> [Stored items]
--*--
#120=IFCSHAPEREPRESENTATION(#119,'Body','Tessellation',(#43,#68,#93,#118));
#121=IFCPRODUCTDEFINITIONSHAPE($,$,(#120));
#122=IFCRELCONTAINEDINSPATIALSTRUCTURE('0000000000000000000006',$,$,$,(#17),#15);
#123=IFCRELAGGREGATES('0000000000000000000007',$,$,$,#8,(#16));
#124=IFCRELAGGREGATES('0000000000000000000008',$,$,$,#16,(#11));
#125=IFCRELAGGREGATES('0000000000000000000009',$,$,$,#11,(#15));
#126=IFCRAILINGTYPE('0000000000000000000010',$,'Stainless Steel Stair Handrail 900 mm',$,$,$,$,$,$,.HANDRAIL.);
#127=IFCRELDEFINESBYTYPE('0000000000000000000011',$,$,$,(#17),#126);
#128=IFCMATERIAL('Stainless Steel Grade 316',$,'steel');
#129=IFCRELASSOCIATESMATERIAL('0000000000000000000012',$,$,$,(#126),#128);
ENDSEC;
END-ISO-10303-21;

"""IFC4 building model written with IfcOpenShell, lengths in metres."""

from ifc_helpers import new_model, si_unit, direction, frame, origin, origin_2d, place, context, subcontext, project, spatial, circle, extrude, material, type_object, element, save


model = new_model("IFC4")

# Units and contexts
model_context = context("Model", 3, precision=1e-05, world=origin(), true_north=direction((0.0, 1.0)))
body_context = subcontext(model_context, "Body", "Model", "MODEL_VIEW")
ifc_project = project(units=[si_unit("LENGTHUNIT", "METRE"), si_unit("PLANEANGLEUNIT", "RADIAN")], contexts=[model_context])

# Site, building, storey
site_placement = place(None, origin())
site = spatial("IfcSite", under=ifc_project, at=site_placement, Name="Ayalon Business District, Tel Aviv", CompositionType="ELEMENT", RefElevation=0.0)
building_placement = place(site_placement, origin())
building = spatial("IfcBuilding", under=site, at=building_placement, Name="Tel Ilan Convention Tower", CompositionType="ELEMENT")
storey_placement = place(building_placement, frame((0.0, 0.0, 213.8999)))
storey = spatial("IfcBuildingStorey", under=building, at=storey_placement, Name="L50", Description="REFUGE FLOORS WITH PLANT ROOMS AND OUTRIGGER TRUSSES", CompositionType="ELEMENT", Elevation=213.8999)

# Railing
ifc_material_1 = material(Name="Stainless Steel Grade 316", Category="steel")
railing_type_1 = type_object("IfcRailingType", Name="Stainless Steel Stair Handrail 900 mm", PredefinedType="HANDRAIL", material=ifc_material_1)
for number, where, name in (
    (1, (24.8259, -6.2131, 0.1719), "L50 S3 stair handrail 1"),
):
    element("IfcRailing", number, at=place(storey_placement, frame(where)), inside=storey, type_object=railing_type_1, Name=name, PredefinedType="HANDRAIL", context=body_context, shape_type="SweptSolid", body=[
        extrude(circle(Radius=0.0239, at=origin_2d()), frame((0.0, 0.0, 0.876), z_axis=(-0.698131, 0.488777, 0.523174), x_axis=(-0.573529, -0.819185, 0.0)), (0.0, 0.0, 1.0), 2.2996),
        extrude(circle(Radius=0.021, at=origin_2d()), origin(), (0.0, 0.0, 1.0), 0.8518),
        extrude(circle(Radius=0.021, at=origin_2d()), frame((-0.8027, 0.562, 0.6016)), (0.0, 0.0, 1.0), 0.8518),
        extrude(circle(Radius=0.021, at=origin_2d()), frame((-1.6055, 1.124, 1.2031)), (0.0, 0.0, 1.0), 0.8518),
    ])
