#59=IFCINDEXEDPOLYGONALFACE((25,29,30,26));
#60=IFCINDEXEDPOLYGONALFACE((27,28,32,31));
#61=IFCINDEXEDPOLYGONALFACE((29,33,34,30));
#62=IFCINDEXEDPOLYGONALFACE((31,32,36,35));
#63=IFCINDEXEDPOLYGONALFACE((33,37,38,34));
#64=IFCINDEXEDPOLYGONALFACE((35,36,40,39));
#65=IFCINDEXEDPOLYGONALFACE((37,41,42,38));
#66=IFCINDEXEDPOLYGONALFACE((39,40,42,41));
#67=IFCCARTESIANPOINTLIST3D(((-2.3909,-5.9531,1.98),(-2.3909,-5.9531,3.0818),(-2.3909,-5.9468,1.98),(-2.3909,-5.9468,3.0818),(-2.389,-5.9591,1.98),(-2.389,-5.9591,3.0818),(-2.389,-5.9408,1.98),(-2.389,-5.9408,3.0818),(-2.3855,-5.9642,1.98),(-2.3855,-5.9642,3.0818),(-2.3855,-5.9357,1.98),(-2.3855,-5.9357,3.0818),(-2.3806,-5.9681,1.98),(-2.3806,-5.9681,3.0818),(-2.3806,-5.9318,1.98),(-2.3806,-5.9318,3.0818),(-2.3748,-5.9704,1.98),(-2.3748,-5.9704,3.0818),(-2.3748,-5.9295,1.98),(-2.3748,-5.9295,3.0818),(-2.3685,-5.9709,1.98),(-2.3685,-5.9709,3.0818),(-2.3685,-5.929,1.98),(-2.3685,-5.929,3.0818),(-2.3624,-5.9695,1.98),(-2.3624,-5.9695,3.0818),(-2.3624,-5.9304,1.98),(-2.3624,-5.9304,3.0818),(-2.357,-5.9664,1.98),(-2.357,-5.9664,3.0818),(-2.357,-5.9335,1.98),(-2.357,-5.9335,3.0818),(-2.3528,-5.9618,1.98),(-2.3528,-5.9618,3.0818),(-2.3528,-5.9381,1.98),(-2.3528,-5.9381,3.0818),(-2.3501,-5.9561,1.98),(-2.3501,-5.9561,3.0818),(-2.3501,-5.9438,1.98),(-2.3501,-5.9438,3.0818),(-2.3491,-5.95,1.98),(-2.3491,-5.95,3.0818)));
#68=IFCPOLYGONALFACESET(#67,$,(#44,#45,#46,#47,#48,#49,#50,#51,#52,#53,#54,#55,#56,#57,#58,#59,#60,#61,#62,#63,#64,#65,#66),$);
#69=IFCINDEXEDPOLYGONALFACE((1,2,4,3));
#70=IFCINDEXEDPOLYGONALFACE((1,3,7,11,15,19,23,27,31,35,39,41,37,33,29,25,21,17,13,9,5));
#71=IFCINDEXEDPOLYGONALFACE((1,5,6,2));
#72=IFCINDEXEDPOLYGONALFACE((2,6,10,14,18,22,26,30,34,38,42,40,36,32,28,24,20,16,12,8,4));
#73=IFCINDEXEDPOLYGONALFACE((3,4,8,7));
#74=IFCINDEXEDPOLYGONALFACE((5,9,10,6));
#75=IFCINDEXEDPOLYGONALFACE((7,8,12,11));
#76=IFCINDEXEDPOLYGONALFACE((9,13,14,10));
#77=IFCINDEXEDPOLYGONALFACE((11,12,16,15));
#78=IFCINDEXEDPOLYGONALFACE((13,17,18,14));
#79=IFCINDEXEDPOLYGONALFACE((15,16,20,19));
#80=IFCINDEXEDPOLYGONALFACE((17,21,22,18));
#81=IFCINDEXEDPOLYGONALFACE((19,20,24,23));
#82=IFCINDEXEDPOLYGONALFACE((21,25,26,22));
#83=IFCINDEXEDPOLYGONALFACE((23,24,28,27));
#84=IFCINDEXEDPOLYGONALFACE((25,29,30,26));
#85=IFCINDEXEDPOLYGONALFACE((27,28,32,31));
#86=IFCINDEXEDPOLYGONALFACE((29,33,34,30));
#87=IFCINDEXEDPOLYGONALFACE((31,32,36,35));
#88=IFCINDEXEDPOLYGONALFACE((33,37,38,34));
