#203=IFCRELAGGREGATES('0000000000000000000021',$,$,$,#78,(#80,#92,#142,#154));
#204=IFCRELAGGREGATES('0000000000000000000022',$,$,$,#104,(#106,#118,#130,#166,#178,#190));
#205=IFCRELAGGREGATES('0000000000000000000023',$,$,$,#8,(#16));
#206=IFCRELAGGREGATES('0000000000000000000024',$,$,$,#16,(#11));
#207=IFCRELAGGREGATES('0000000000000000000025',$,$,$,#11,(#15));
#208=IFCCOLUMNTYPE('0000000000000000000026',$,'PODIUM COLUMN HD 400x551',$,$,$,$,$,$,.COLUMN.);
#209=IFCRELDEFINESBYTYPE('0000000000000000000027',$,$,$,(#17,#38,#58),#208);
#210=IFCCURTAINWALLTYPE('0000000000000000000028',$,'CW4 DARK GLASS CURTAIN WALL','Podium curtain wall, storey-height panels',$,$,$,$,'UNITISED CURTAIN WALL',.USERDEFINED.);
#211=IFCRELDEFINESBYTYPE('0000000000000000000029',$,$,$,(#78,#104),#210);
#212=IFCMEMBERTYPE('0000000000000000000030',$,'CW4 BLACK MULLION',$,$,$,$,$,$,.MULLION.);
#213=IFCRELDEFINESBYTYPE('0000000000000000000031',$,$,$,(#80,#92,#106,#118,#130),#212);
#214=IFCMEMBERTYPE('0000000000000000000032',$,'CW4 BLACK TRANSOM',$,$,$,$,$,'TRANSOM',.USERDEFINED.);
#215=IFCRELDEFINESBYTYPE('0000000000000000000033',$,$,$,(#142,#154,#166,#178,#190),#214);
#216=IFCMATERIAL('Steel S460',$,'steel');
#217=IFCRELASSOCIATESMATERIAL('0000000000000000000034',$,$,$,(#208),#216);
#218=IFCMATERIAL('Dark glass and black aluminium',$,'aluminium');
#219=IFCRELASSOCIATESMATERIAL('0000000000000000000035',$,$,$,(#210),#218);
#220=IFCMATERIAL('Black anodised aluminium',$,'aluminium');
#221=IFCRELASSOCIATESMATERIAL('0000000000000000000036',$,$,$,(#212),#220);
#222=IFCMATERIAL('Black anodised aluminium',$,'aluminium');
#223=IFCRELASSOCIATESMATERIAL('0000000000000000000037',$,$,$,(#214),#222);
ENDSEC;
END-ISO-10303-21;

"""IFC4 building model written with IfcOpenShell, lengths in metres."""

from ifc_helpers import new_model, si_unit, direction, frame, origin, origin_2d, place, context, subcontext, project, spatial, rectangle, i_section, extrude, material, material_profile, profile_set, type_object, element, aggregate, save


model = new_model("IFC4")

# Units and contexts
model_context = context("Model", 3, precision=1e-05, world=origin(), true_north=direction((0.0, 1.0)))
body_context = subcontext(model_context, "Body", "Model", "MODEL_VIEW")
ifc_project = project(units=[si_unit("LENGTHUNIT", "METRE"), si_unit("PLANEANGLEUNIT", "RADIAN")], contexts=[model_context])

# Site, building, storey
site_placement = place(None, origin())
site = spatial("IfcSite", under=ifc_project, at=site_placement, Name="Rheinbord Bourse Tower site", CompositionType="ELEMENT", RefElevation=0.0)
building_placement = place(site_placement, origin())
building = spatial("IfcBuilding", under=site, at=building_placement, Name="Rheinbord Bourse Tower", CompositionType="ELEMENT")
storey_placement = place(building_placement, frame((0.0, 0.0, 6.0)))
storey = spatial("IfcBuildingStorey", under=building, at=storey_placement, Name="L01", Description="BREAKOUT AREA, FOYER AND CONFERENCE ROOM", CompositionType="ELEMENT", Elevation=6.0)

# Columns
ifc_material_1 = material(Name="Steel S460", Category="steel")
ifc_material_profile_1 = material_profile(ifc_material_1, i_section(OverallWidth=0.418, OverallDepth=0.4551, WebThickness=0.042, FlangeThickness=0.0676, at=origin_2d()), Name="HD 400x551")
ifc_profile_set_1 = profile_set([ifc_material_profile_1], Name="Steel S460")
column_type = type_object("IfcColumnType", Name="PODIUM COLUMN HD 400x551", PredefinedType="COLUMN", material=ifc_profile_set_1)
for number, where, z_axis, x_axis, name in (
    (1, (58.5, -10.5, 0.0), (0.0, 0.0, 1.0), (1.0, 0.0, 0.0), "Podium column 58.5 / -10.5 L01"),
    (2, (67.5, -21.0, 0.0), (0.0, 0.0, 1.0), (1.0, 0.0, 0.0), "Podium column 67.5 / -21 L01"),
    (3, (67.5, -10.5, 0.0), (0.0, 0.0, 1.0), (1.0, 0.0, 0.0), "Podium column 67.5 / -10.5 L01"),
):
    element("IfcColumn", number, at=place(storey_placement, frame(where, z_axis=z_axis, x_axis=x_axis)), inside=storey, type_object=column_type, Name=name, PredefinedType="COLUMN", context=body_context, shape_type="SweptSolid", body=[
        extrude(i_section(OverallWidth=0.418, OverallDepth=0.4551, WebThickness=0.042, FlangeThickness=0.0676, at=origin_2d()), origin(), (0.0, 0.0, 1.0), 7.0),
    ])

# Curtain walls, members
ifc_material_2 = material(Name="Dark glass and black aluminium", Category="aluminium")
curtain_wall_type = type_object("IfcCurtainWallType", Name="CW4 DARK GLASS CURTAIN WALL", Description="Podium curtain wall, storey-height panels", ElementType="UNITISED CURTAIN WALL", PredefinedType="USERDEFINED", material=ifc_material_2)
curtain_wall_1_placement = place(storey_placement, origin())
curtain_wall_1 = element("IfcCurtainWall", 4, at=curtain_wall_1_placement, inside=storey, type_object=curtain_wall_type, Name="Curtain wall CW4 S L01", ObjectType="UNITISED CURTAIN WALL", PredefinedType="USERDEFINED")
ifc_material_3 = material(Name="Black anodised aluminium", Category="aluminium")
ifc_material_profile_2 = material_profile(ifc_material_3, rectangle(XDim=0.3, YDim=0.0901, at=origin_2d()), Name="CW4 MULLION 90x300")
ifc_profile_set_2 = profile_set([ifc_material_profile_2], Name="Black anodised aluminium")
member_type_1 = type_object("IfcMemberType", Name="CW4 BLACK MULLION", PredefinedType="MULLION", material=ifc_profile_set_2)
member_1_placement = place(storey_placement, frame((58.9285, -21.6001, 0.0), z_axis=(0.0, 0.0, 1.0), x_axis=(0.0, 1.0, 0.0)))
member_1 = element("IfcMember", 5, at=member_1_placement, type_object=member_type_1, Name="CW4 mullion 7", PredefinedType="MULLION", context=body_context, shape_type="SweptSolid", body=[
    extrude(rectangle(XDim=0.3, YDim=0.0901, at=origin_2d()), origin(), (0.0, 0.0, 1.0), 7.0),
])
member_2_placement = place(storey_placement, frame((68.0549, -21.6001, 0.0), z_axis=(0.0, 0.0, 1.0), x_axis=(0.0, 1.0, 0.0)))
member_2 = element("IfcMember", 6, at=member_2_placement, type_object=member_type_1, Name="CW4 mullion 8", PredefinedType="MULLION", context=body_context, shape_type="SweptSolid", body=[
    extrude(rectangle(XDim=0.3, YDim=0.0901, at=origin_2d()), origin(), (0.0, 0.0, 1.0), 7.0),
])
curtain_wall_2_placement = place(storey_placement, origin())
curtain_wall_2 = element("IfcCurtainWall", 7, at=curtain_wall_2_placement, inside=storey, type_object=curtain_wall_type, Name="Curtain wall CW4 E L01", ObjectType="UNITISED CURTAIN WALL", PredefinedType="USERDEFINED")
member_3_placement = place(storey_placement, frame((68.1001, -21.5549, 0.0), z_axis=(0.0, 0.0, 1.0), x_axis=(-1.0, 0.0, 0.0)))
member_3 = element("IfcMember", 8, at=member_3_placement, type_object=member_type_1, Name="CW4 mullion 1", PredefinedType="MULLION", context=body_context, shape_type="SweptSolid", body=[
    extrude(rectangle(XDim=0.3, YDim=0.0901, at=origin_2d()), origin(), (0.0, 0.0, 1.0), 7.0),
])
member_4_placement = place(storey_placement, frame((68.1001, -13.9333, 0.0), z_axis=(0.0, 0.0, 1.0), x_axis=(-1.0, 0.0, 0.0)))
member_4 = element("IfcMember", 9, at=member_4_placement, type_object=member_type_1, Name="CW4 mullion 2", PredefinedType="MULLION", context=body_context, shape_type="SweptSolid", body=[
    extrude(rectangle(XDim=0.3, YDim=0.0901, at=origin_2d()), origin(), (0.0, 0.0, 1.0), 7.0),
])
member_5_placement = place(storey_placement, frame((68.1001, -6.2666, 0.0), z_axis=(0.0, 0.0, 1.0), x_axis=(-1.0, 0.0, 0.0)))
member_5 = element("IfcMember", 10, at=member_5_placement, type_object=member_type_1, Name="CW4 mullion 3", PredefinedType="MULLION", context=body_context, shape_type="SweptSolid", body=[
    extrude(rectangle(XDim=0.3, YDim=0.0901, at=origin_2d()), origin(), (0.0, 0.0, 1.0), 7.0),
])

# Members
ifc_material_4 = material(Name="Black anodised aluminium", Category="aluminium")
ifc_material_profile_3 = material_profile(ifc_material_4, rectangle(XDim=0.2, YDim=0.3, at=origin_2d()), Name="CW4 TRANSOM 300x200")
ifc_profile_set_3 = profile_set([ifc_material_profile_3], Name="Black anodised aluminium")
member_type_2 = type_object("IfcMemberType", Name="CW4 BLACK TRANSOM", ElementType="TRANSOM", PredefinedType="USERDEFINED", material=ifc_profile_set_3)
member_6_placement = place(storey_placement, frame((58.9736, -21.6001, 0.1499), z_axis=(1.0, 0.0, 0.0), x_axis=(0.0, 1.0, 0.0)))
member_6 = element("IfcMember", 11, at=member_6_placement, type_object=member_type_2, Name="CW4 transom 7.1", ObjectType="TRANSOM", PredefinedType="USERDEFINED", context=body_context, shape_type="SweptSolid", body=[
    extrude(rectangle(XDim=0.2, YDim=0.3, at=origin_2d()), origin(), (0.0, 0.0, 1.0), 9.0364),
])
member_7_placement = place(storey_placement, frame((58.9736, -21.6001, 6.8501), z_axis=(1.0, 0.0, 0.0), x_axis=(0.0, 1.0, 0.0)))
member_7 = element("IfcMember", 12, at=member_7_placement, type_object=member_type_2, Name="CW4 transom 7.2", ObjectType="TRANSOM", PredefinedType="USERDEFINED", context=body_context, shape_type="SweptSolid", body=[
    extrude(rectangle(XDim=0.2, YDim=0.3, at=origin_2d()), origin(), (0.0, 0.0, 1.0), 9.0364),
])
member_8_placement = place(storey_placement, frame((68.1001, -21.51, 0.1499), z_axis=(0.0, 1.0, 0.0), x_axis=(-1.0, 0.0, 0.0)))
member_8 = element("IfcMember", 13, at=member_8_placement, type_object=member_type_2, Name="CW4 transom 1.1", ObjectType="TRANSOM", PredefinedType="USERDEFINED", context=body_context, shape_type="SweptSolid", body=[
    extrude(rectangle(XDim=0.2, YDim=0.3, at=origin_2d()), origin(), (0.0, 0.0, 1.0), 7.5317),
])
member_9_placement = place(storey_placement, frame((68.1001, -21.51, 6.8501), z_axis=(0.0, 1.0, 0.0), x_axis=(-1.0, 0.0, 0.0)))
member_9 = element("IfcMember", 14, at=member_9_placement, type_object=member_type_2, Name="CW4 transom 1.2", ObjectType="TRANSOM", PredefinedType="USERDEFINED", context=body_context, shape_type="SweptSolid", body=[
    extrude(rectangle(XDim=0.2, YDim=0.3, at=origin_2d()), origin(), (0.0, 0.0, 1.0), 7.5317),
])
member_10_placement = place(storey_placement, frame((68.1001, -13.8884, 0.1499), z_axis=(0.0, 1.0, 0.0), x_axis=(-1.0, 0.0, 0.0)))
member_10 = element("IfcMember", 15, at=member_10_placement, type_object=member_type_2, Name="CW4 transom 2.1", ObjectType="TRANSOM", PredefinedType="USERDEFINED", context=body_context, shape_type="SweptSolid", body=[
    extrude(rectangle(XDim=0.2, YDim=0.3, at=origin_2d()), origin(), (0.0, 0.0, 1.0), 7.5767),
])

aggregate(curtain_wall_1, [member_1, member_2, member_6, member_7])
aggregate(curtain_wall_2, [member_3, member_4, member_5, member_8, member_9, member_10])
--*--
> [To do] Look above for every line with the word "IFCRELASSOCIATESMATERIAL" and copy it.

> [Answer box]
#129=IFCRELASSOCIATESMATERIAL('0000000000000000000012',$,$,$,(#126),#128);
#217=IFCRELASSOCIATESMATERIAL('0000000000000000000034',$,$,$,(#208),#216);
#219=IFCRELASSOCIATESMATERIAL('0000000000000000000035',$,$,$,(#210),#218);
#221=IFCRELASSOCIATESMATERIAL('0000000000000000000036',$,$,$,(#212),#220);
#223=IFCRELASSOCIATESMATERIAL('0000000000000000000037',$,$,$,(#214),#222);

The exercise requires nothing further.